## Exercise objective
Which lines of the records below contain the word "Aluminium"? Copy each of them out.

## The input
━━━━━━━━━━━━━━━━━━━━━━━━━━━━━━

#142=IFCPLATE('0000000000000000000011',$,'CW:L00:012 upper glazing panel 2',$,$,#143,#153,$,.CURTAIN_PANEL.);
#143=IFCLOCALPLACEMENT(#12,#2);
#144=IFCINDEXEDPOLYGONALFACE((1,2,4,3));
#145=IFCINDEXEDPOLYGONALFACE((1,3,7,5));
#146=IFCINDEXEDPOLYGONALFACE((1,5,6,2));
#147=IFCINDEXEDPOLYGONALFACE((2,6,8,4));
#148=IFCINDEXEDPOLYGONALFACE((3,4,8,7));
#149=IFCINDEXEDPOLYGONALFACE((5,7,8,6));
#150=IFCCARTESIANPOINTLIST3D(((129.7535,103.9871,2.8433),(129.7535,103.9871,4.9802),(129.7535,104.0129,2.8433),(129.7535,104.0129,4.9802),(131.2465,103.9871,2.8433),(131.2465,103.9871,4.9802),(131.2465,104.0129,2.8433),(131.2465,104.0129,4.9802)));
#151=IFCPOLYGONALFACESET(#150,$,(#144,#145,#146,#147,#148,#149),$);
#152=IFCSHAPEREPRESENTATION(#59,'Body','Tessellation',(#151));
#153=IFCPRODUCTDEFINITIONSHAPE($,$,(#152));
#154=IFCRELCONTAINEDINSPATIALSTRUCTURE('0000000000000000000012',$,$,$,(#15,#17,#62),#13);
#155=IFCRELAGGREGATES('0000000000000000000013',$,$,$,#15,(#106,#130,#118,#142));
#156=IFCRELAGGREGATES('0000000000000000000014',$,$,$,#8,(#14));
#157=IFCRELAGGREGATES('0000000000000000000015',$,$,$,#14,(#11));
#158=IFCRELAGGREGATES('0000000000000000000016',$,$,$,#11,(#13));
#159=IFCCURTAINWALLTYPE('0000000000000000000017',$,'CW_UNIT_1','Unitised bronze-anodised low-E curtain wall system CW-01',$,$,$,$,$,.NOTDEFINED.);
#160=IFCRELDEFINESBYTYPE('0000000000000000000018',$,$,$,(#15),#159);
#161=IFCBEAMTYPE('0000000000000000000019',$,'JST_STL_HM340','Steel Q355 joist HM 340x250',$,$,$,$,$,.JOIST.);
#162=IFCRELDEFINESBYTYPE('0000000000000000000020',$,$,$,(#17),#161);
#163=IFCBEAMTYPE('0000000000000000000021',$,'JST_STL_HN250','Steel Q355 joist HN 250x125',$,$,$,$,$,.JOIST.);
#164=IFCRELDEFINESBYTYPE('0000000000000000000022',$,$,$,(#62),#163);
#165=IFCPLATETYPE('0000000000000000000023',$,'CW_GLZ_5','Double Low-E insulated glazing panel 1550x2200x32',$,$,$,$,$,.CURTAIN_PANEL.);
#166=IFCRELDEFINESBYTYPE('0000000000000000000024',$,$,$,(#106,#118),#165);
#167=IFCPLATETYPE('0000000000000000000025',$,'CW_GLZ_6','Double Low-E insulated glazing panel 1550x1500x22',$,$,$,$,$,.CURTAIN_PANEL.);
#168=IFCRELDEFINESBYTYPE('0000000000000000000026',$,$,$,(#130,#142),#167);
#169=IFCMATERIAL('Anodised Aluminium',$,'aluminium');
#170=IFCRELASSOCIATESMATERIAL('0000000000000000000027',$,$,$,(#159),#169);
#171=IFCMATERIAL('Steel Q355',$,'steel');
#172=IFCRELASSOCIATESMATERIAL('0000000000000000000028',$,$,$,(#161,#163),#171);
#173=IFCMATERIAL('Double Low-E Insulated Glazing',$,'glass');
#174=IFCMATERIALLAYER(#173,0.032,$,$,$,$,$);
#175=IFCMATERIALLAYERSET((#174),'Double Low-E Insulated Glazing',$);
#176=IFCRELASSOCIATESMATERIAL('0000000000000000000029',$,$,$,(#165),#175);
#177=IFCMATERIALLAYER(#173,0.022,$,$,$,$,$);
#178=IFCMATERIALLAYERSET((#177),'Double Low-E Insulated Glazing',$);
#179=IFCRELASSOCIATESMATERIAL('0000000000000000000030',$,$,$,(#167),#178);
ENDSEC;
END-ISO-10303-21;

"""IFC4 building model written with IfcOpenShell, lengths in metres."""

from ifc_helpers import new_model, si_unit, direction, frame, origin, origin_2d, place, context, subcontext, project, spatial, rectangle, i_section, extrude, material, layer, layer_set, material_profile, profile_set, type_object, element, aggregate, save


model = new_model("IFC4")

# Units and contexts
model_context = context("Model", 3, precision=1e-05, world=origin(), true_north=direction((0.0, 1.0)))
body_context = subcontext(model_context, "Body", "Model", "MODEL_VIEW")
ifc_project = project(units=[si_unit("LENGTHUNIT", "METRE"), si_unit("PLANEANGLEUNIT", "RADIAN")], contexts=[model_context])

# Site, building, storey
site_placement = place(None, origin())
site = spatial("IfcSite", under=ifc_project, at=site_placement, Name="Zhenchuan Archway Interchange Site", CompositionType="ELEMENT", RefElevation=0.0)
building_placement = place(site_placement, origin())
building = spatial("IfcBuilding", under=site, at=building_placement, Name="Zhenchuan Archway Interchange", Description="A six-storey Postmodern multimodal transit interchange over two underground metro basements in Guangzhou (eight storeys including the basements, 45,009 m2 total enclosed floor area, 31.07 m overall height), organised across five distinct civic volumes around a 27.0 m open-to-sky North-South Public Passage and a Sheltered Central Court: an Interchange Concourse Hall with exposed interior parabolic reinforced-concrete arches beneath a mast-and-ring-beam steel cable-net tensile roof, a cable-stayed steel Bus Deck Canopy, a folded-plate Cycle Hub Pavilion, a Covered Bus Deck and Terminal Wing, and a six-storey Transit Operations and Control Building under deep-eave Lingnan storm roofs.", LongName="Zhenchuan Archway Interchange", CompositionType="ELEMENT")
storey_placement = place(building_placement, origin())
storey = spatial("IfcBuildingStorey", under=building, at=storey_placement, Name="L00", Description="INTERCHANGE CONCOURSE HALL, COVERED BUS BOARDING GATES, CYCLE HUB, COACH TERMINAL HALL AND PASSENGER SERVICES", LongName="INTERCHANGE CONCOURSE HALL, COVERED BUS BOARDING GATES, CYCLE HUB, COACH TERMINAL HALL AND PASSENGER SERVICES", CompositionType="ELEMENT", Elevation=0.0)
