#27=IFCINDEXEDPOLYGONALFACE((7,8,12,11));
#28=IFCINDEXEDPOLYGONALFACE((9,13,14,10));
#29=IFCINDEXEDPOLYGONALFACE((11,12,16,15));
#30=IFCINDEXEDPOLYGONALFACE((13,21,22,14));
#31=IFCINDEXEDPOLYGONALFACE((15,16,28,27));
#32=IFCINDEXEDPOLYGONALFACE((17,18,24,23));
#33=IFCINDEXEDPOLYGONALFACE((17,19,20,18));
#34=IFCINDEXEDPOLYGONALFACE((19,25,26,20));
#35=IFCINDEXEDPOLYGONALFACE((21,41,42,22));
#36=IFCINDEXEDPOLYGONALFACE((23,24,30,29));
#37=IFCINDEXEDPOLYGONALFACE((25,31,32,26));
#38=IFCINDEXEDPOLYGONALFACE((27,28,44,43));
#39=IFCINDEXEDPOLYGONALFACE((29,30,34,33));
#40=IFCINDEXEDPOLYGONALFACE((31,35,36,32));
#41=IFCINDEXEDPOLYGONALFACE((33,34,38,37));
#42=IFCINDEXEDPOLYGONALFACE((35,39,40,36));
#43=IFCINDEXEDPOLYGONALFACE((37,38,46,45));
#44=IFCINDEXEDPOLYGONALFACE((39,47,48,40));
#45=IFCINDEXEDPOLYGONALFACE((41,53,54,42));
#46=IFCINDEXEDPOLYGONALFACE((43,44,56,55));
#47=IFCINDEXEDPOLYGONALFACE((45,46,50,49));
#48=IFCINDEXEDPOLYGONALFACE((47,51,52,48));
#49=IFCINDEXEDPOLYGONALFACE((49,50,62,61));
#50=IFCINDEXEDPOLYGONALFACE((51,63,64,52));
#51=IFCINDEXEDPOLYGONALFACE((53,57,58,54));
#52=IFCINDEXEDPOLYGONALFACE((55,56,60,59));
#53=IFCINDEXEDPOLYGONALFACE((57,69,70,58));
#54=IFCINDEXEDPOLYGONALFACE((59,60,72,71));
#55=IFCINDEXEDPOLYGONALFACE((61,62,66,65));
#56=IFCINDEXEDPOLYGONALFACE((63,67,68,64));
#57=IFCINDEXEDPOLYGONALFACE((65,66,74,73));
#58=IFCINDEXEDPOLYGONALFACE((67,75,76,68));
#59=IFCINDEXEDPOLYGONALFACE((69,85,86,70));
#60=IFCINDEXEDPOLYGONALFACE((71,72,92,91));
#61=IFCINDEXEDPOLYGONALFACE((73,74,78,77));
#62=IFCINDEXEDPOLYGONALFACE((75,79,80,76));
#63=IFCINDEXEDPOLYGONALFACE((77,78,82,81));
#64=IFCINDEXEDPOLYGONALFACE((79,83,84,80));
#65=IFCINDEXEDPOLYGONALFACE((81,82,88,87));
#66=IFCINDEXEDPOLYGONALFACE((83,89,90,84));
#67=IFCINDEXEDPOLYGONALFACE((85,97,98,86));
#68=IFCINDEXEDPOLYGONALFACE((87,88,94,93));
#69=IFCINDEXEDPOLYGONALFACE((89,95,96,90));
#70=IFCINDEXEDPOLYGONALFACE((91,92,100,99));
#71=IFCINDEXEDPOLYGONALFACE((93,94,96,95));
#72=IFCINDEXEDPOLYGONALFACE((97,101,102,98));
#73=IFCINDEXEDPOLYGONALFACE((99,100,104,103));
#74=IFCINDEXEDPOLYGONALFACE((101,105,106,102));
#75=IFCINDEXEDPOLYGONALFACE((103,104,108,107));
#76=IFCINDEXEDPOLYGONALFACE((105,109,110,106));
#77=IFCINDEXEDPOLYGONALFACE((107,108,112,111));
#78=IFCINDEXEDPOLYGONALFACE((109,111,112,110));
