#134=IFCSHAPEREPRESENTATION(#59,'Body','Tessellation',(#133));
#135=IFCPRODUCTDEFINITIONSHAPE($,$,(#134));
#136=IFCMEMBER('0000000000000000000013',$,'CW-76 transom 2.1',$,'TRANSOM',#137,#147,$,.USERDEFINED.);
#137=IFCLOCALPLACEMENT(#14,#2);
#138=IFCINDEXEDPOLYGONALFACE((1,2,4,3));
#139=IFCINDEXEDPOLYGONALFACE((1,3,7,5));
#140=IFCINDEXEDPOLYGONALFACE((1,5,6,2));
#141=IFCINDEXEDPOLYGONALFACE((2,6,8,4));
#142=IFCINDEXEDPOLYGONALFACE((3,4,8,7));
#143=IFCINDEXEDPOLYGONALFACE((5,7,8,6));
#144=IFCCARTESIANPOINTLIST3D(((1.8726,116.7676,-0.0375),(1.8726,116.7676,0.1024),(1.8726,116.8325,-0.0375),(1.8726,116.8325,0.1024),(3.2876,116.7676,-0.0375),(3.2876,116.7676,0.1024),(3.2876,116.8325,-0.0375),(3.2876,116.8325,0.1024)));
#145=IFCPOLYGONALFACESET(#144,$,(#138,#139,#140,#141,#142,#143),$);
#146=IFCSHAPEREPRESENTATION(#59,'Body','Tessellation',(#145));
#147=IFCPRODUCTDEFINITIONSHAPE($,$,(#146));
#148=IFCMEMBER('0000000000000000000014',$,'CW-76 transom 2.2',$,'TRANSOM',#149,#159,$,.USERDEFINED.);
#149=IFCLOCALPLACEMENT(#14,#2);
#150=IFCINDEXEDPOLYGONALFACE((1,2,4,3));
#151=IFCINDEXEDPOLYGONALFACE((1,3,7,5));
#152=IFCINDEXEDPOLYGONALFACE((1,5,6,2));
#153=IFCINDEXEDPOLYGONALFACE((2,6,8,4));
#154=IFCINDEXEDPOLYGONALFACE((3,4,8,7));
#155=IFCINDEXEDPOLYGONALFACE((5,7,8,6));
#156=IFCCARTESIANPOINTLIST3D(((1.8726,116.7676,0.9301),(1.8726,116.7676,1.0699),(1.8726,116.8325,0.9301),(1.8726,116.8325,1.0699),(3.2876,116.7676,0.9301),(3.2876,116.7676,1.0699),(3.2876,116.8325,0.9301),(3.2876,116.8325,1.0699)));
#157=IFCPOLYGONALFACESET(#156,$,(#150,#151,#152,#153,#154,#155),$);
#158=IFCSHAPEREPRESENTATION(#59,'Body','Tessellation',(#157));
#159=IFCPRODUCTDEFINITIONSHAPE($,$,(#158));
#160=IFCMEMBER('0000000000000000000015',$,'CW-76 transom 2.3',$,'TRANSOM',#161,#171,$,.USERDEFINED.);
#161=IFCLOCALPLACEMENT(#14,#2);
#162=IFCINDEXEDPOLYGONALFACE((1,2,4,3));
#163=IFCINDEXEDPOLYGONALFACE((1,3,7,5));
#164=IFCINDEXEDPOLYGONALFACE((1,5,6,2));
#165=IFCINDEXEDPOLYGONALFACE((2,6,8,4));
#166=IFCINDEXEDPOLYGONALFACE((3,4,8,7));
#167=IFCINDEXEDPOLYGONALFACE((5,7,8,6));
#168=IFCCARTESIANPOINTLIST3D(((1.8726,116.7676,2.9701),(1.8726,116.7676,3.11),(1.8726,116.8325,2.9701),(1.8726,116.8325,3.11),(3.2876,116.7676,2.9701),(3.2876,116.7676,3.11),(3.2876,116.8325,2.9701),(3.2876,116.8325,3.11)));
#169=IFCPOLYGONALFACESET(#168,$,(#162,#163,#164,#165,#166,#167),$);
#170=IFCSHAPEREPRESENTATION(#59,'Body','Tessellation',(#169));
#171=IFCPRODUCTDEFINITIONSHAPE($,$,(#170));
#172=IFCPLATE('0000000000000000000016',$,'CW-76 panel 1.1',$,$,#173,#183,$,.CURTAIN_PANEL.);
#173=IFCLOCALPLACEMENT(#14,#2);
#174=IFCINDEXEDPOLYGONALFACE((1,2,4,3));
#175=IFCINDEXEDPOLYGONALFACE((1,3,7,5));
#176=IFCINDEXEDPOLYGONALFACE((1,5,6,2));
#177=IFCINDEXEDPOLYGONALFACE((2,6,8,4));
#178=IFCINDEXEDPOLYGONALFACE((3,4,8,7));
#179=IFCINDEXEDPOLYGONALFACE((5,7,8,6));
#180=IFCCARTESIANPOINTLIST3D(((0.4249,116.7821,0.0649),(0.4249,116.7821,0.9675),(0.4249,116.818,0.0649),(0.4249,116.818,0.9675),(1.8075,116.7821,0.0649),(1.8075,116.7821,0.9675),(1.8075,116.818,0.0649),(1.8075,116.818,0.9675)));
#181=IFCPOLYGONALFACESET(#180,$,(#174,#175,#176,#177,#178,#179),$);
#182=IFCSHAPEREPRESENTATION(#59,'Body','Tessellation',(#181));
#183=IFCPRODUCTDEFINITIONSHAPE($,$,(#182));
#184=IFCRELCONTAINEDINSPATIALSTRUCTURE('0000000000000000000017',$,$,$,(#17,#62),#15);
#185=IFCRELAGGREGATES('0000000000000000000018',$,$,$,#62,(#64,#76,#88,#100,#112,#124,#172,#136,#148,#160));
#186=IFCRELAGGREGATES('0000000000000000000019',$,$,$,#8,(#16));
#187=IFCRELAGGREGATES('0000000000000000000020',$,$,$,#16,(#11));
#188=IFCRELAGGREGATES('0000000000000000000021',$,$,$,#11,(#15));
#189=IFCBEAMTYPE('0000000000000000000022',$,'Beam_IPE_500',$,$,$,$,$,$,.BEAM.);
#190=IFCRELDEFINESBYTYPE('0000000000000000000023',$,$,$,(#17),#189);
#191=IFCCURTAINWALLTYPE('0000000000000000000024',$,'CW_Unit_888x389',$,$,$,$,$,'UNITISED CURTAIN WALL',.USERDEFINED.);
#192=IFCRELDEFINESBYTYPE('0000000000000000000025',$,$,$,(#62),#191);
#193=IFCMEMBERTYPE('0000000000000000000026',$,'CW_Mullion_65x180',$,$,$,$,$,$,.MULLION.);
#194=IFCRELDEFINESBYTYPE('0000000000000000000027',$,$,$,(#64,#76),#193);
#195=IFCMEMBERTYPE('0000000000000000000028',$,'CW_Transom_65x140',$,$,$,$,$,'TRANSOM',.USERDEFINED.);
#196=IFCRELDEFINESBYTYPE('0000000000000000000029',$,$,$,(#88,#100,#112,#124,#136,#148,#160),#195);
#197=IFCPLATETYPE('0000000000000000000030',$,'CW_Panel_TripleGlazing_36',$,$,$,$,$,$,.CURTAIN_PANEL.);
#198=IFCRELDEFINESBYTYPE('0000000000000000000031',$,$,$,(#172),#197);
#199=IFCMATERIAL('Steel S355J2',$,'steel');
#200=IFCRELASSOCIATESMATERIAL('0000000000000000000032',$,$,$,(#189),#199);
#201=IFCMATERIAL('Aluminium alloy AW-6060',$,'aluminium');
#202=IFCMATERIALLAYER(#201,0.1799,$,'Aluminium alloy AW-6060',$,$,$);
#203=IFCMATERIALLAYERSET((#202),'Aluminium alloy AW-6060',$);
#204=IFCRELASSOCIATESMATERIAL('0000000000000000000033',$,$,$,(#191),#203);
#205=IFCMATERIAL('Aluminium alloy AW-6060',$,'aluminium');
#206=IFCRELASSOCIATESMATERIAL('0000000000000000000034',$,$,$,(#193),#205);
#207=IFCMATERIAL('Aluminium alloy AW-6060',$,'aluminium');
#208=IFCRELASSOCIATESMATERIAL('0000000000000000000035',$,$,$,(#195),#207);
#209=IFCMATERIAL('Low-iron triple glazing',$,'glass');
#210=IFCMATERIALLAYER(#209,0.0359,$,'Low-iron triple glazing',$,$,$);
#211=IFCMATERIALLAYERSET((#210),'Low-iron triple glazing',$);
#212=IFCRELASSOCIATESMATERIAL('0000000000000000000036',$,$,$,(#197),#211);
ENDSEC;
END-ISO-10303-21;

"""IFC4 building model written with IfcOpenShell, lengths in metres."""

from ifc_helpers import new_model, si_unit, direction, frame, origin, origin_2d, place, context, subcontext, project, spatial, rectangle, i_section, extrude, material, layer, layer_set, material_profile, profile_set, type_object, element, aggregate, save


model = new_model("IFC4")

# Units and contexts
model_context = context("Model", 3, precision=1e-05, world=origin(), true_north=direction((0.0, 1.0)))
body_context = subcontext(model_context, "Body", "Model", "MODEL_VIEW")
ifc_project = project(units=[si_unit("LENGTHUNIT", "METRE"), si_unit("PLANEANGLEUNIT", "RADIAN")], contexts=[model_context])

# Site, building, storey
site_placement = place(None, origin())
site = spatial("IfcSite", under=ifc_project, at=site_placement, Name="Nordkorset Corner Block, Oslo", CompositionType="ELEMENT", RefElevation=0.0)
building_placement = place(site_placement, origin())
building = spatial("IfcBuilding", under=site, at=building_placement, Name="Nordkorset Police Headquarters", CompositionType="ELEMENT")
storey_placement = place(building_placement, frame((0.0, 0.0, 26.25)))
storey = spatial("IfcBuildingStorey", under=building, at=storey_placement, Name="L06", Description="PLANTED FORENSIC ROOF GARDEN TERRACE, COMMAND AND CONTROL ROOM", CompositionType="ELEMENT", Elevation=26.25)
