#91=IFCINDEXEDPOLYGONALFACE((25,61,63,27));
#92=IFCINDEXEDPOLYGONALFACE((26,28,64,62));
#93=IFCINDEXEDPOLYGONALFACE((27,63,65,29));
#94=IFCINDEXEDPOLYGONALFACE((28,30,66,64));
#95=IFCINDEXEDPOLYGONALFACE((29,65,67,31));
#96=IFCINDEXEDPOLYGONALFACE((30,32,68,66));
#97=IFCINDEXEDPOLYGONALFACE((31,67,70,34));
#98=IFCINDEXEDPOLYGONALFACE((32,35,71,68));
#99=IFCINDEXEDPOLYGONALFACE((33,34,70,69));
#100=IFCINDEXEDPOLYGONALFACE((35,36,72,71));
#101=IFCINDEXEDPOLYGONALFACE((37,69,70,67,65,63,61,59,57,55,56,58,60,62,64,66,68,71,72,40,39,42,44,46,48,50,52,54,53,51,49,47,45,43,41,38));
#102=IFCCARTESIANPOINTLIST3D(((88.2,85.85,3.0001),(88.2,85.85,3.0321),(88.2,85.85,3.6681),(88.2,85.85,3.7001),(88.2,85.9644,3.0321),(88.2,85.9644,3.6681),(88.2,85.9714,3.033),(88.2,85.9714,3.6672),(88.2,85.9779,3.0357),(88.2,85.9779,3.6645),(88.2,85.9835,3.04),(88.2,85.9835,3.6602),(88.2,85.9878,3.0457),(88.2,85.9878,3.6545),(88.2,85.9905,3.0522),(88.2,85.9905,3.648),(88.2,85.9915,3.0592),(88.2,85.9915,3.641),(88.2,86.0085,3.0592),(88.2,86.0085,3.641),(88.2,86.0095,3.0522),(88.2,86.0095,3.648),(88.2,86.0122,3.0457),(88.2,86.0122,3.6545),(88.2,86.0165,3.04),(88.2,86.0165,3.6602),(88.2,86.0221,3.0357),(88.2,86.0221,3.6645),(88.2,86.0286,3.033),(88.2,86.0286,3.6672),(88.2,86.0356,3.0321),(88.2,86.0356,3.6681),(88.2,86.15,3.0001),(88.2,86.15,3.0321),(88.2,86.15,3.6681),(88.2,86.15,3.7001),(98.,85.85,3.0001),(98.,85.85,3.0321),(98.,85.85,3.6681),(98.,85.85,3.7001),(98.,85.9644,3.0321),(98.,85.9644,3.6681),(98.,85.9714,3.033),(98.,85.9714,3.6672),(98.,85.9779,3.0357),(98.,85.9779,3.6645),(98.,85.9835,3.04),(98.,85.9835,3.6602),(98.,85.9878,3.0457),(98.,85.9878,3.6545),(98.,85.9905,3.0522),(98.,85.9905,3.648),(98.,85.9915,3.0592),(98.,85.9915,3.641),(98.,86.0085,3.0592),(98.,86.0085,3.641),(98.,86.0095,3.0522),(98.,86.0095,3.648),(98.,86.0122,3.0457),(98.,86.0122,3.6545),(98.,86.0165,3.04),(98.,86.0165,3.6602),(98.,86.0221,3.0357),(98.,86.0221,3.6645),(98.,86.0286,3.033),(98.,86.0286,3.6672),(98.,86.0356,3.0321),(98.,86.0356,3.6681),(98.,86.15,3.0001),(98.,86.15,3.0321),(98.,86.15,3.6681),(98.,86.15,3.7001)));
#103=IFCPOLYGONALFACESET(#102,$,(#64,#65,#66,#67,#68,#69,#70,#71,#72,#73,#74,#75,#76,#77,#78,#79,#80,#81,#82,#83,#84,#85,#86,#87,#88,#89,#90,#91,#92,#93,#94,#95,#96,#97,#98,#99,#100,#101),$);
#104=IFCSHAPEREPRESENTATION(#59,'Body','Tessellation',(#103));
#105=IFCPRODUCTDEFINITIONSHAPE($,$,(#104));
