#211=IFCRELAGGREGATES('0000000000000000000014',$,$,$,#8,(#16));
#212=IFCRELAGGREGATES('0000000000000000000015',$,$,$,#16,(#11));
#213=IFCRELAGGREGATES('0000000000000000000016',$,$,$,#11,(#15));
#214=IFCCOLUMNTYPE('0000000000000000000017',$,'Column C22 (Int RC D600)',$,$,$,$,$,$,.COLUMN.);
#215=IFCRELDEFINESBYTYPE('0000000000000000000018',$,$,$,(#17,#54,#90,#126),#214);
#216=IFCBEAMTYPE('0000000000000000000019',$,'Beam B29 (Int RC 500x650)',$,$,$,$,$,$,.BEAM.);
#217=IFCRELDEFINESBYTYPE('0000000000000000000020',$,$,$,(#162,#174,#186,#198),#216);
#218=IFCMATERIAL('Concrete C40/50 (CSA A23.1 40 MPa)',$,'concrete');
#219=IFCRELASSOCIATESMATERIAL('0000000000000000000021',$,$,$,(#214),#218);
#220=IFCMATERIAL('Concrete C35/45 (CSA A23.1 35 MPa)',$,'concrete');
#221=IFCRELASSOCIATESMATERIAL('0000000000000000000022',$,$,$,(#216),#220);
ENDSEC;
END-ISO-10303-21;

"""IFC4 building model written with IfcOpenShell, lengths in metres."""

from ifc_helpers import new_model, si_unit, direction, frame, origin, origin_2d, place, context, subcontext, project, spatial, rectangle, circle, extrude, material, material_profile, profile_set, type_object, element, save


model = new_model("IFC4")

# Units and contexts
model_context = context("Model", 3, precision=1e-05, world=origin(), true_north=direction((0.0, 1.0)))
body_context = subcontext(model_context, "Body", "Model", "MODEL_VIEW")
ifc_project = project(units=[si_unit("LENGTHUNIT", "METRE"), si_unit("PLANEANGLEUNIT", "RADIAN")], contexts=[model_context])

━━━━━━━━━━━━━━━━━━━━━━━━━━━━━━

## Completed task
#169=IFCMATERIAL('Anodised Aluminium',$,'aluminium');
#201=IFCMATERIAL('Aluminium alloy AW-6060',$,'aluminium');
#202=IFCMATERIALLAYER(#201,0.1799,$,'Aluminium alloy AW-6060',$,$,$);
#203=IFCMATERIALLAYERSET((#202),'Aluminium alloy AW-6060',$);
#205=IFCMATERIAL('Aluminium alloy AW-6060',$,'aluminium');
#207=IFCMATERIAL('Aluminium alloy AW-6060',$,'aluminium');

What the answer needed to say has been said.